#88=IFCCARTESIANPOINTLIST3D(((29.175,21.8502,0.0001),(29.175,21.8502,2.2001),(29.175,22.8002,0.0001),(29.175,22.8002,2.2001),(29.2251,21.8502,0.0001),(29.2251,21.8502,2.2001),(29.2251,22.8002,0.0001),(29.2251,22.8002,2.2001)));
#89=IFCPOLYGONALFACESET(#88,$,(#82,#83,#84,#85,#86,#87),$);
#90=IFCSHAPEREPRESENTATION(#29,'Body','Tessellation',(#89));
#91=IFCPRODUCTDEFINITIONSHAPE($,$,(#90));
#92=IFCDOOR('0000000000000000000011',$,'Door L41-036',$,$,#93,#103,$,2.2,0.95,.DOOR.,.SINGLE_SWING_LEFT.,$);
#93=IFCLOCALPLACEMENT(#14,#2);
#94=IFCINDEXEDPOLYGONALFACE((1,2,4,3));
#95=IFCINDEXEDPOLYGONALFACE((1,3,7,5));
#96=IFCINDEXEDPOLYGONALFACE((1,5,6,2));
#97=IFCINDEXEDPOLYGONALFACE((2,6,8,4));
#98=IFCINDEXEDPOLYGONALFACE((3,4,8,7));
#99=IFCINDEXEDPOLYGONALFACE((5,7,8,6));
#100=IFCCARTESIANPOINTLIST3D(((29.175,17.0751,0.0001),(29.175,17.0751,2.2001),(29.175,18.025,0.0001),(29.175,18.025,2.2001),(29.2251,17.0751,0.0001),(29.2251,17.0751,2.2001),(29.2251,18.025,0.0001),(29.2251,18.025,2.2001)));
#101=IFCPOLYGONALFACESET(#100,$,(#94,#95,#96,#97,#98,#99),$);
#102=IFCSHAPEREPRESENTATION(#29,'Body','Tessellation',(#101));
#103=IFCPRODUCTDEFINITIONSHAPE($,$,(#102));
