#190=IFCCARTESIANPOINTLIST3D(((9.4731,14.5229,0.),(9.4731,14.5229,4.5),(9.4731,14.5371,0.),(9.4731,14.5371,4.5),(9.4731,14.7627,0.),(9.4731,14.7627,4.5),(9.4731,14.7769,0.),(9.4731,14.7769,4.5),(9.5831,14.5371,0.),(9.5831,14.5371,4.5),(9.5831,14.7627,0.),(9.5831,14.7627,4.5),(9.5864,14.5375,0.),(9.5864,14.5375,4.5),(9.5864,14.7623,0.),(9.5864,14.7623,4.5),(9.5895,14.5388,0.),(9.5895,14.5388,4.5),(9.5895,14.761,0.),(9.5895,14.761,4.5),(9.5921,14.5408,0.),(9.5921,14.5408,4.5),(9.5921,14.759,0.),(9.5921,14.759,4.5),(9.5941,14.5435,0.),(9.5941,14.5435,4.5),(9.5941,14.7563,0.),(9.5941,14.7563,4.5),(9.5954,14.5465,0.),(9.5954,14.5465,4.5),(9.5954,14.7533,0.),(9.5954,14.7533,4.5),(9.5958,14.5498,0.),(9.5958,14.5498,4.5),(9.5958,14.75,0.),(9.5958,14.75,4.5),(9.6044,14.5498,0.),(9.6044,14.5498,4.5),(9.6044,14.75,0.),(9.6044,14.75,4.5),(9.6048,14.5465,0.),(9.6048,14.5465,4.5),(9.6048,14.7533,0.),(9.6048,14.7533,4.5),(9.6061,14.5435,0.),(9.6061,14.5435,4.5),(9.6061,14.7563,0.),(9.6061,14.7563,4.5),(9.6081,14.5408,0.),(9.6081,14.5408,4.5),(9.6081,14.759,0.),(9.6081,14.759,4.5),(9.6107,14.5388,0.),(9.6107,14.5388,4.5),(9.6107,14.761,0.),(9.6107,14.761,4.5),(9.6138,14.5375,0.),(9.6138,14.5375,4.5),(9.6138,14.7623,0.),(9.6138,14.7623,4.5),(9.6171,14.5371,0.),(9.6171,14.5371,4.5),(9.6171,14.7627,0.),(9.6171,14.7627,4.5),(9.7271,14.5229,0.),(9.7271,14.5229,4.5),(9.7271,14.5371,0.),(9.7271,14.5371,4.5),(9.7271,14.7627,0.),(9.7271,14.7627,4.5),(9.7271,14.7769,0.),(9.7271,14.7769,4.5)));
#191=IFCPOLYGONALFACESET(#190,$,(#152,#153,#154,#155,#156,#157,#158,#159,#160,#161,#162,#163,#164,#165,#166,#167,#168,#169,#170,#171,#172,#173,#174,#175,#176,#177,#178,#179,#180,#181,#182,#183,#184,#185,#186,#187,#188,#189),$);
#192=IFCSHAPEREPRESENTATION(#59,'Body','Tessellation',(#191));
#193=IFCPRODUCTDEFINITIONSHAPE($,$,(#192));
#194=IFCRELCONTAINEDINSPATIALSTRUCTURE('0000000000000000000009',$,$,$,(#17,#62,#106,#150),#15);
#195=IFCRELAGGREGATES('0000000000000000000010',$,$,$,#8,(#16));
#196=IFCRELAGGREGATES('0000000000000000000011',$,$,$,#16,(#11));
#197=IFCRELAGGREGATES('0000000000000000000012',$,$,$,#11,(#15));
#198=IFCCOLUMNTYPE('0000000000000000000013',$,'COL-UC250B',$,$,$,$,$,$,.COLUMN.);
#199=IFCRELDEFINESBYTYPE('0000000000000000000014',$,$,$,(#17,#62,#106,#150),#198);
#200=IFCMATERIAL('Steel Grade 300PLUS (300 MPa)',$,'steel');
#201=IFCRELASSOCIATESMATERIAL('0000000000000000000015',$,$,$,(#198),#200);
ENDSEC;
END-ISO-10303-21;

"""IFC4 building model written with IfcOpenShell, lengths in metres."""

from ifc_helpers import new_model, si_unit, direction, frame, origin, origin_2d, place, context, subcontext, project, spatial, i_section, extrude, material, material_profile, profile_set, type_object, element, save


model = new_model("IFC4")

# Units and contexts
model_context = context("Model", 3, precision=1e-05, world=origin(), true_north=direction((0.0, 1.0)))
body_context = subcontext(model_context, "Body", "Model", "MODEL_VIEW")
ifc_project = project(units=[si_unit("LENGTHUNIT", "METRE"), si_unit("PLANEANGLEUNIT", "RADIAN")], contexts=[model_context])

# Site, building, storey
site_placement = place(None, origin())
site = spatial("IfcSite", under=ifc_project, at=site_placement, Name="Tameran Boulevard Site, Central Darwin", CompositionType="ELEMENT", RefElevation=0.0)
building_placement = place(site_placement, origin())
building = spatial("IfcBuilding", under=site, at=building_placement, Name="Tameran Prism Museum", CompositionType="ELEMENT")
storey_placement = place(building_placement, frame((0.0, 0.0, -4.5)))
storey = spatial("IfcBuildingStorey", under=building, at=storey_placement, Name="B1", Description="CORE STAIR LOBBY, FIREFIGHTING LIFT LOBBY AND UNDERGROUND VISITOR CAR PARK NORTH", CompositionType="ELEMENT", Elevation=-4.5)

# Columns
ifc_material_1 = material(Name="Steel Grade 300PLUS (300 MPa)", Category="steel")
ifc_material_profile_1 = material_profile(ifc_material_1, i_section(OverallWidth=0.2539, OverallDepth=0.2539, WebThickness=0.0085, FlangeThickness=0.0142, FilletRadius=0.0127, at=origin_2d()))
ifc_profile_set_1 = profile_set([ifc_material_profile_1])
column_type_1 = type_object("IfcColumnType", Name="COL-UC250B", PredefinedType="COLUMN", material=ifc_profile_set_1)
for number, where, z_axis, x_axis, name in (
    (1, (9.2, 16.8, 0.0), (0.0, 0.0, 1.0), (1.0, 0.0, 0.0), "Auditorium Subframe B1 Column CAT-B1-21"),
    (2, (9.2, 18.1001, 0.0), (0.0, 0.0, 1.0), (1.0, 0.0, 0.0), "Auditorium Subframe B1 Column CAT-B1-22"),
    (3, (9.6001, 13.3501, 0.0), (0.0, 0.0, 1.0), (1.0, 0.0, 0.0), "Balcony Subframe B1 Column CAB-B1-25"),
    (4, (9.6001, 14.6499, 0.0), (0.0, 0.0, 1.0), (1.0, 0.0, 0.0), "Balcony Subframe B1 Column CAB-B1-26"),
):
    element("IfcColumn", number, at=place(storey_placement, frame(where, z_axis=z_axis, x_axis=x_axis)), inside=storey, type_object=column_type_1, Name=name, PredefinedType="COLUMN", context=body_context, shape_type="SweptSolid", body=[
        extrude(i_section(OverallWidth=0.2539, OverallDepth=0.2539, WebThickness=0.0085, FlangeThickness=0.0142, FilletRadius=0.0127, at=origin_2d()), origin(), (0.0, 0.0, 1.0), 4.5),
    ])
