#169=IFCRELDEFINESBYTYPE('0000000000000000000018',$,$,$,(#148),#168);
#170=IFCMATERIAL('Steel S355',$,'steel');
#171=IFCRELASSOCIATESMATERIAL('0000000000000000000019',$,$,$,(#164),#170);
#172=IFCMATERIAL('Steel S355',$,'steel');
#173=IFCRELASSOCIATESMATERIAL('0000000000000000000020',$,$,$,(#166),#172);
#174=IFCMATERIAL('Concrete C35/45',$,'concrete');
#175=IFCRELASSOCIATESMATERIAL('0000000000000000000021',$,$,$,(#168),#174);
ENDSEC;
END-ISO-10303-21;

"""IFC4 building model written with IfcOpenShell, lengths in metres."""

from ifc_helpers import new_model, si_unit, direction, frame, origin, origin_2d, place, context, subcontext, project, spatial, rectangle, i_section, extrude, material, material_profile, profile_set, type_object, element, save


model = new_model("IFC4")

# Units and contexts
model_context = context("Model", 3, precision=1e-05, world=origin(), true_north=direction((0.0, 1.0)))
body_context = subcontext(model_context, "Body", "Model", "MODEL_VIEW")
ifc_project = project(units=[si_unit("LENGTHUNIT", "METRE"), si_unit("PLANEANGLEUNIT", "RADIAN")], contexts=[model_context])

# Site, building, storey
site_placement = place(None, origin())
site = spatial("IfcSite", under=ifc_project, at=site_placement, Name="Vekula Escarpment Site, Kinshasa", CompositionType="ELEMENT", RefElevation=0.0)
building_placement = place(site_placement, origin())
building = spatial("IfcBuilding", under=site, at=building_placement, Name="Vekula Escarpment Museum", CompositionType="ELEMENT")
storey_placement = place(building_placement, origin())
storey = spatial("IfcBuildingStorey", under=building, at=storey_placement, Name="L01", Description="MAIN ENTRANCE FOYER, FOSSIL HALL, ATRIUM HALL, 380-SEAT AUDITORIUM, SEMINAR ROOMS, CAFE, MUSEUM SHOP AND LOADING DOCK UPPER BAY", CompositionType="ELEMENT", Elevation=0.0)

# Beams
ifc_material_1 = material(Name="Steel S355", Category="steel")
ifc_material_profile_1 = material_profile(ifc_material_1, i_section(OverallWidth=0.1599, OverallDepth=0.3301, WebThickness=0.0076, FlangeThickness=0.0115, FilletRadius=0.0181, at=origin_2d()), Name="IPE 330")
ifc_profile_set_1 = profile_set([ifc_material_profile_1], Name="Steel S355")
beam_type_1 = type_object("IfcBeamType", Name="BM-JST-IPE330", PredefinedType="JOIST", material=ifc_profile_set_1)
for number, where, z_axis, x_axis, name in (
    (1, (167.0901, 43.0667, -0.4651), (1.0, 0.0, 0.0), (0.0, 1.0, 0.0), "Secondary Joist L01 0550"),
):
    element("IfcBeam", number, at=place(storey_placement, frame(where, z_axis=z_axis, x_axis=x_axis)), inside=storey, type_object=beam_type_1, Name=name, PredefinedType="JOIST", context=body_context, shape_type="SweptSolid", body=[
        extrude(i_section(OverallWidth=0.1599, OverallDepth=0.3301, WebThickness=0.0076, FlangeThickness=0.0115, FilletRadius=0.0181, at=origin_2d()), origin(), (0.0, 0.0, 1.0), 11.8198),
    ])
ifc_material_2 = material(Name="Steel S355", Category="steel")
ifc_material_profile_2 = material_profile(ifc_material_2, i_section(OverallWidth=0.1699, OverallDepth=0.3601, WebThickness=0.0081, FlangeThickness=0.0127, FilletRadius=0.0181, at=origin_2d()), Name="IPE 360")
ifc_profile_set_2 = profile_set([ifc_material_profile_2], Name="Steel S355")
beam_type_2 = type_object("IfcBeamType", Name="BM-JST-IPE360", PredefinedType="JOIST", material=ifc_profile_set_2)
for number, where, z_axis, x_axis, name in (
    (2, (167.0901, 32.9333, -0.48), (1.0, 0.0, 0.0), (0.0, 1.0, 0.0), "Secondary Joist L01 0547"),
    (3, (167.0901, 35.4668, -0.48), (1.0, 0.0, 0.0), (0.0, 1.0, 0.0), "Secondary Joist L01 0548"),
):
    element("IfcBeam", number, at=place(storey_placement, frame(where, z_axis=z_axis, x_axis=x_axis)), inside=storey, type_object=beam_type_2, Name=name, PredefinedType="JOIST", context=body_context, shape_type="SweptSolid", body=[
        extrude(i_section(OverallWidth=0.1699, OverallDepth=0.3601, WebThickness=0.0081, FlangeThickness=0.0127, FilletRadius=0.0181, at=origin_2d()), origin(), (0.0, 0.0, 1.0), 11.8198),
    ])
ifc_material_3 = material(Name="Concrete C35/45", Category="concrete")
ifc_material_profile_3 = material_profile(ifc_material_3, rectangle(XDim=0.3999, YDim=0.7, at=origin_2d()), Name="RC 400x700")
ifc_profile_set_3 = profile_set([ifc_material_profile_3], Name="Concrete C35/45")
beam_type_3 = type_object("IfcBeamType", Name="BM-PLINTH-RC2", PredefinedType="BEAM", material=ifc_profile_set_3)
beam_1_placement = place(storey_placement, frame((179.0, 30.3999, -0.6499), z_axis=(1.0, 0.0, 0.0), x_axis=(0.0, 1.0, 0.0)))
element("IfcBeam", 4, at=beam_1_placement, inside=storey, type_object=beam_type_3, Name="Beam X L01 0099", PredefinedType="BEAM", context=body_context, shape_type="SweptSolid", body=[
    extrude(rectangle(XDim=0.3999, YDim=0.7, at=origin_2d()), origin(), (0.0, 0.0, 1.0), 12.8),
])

### Try it
Copy out each line of the listing that holds "RefElevation".

### Result for this exercise
site = spatial("IfcSite", under=ifc_project, at=site_placement, Name="Tameran Boulevard Site, Central Darwin", CompositionType="ELEMENT", RefElevation=0.0)
site = spatial("IfcSite", under=ifc_project, at=site_placement, Name="Vekula Escarpment Site, Kinshasa", CompositionType="ELEMENT", RefElevation=0.0)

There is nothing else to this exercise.